Dataset records:
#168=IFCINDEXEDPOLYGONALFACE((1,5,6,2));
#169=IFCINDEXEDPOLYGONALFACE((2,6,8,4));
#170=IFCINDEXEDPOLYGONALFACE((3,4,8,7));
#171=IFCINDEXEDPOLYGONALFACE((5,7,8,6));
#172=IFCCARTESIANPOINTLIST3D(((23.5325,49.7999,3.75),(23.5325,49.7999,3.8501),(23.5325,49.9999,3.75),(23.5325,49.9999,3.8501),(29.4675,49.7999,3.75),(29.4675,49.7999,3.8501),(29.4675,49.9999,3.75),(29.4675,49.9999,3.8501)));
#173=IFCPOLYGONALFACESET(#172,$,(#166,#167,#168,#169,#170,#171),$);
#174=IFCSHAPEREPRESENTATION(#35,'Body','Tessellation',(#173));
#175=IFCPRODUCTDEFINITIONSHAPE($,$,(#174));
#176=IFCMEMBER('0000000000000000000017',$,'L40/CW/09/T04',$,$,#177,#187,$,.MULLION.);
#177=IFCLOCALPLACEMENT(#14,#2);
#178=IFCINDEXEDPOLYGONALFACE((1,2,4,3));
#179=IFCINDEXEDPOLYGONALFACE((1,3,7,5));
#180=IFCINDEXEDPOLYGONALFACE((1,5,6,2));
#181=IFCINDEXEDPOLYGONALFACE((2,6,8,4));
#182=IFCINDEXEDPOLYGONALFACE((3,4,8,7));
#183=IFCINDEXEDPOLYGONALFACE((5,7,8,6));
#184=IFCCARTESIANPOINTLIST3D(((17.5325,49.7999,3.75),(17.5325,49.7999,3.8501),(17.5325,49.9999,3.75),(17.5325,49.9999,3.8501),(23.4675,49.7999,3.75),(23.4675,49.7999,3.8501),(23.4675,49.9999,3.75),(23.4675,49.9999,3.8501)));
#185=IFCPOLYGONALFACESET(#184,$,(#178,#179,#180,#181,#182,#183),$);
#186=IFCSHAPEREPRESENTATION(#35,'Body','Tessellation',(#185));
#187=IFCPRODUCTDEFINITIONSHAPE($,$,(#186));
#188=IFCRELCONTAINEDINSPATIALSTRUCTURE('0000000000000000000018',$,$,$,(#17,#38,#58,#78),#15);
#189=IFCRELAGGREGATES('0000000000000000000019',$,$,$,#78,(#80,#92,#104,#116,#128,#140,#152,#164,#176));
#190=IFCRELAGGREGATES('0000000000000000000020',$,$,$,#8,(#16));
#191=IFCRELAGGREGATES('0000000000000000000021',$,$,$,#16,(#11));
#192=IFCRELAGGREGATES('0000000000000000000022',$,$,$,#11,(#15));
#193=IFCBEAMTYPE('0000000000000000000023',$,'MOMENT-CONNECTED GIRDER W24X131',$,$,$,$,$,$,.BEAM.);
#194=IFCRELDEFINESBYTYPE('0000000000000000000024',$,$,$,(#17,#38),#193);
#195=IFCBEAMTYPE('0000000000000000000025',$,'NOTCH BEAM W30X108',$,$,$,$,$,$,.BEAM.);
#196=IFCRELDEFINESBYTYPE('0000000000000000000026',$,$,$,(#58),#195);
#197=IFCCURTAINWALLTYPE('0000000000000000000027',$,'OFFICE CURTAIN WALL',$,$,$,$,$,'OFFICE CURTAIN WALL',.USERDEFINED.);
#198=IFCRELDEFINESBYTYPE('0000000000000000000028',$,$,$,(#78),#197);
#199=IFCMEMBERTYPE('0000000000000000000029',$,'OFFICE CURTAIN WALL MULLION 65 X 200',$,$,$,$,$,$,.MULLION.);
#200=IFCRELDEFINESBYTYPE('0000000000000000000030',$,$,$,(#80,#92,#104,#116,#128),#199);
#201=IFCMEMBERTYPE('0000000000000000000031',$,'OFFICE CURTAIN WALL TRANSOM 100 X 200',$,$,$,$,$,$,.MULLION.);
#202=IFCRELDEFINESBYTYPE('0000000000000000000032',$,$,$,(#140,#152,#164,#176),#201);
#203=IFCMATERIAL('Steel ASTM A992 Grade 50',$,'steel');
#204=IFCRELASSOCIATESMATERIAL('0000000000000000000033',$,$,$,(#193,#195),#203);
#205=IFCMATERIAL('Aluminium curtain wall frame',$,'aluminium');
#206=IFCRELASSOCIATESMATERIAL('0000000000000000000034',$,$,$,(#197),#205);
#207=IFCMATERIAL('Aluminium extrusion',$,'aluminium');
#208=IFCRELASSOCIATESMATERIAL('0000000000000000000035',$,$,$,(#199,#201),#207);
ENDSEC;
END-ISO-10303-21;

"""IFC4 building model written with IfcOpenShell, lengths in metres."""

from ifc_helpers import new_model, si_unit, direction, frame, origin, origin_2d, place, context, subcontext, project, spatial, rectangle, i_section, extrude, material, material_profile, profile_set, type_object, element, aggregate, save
...
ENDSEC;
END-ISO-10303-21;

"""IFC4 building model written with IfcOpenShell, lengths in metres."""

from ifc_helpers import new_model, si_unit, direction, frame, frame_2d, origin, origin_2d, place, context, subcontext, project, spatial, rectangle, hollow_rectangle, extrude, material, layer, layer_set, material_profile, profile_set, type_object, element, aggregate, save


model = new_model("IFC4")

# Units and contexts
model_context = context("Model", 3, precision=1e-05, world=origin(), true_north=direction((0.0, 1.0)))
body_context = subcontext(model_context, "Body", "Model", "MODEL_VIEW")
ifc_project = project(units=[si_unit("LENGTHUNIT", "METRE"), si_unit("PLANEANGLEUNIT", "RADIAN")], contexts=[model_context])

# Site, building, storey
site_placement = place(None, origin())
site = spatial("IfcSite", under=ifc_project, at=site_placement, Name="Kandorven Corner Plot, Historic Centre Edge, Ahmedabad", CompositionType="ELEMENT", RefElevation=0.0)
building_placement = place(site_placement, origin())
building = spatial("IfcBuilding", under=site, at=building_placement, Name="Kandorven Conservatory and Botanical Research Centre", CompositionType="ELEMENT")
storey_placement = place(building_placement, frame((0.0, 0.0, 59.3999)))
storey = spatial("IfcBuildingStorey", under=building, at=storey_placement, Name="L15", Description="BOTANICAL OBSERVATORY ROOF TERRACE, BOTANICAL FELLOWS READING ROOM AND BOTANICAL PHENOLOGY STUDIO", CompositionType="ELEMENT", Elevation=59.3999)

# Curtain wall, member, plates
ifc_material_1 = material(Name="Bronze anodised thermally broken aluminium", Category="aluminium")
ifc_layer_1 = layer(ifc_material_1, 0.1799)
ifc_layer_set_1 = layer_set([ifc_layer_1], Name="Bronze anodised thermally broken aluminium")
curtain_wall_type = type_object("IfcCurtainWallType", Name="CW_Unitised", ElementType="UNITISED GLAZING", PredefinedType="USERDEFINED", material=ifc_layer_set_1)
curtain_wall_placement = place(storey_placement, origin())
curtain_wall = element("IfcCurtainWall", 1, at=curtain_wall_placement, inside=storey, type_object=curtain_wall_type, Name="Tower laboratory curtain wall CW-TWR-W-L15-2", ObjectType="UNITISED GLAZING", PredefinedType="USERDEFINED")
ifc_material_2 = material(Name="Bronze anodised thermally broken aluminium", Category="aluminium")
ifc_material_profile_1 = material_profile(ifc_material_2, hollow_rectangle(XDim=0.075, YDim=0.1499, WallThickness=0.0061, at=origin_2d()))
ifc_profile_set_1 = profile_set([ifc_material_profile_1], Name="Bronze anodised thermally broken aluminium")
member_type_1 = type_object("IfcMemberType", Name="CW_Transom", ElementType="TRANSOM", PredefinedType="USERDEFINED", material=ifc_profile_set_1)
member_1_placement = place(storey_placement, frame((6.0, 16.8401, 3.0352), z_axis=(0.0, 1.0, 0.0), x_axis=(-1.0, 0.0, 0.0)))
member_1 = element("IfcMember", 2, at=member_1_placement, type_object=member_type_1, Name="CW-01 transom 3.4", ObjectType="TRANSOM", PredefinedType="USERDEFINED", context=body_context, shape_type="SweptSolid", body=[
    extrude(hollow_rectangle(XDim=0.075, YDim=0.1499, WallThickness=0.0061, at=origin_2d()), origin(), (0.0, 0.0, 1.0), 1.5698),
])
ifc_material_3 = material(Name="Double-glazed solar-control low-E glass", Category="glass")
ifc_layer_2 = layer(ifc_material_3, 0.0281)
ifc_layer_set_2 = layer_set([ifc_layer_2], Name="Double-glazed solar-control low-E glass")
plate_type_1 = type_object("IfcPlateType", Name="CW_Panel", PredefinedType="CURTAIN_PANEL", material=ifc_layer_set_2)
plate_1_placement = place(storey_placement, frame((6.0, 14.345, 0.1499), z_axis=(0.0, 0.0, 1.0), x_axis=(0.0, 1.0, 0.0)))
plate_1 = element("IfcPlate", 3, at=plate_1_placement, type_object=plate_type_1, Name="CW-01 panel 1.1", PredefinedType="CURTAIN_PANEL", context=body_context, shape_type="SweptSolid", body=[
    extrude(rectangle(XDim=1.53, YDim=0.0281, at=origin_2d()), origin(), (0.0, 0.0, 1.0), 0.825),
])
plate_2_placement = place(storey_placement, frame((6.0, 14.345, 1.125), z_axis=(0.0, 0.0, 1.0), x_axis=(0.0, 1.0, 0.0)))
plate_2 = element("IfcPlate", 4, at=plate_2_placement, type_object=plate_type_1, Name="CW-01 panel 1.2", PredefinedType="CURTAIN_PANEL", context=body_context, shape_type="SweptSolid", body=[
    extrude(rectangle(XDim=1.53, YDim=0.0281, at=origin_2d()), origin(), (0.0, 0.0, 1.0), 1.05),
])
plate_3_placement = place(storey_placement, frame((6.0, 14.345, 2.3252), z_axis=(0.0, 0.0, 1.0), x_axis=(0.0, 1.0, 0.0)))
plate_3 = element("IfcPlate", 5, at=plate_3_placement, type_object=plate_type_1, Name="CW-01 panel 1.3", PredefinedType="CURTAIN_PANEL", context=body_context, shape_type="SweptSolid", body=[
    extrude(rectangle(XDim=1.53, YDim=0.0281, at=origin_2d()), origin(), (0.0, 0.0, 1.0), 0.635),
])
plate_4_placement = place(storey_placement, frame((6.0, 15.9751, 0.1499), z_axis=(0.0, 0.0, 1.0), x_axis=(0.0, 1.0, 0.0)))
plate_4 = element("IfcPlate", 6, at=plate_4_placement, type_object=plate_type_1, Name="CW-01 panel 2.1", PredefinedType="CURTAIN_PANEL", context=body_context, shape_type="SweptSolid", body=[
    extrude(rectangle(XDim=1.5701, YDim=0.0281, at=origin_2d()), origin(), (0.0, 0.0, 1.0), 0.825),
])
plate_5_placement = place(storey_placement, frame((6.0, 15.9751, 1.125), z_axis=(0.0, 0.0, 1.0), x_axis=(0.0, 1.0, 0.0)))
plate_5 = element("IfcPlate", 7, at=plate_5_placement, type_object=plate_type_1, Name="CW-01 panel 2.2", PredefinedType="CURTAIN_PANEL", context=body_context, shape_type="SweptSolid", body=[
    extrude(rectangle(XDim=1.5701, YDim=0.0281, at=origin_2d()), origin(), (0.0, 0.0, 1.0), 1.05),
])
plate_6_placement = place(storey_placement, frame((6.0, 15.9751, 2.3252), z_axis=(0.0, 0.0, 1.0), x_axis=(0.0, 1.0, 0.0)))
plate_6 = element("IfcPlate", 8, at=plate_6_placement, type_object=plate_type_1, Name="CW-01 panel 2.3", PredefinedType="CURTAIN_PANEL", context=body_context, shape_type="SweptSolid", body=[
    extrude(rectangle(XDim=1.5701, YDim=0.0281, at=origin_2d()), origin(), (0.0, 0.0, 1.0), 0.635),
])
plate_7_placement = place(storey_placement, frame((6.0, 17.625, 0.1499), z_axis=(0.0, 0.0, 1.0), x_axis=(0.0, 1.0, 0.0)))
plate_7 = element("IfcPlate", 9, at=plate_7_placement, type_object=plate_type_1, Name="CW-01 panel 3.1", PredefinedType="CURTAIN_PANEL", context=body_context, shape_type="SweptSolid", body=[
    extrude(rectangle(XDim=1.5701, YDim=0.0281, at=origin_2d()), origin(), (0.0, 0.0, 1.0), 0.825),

Problem statement:
Lines with "contexts": copy every one of them from the listing above.

The answer:
# Units and contexts
ifc_project = project(units=[si_unit("LENGTHUNIT", "METRE"), si_unit("PLANEANGLEUNIT", "RADIAN")], contexts=[model_context])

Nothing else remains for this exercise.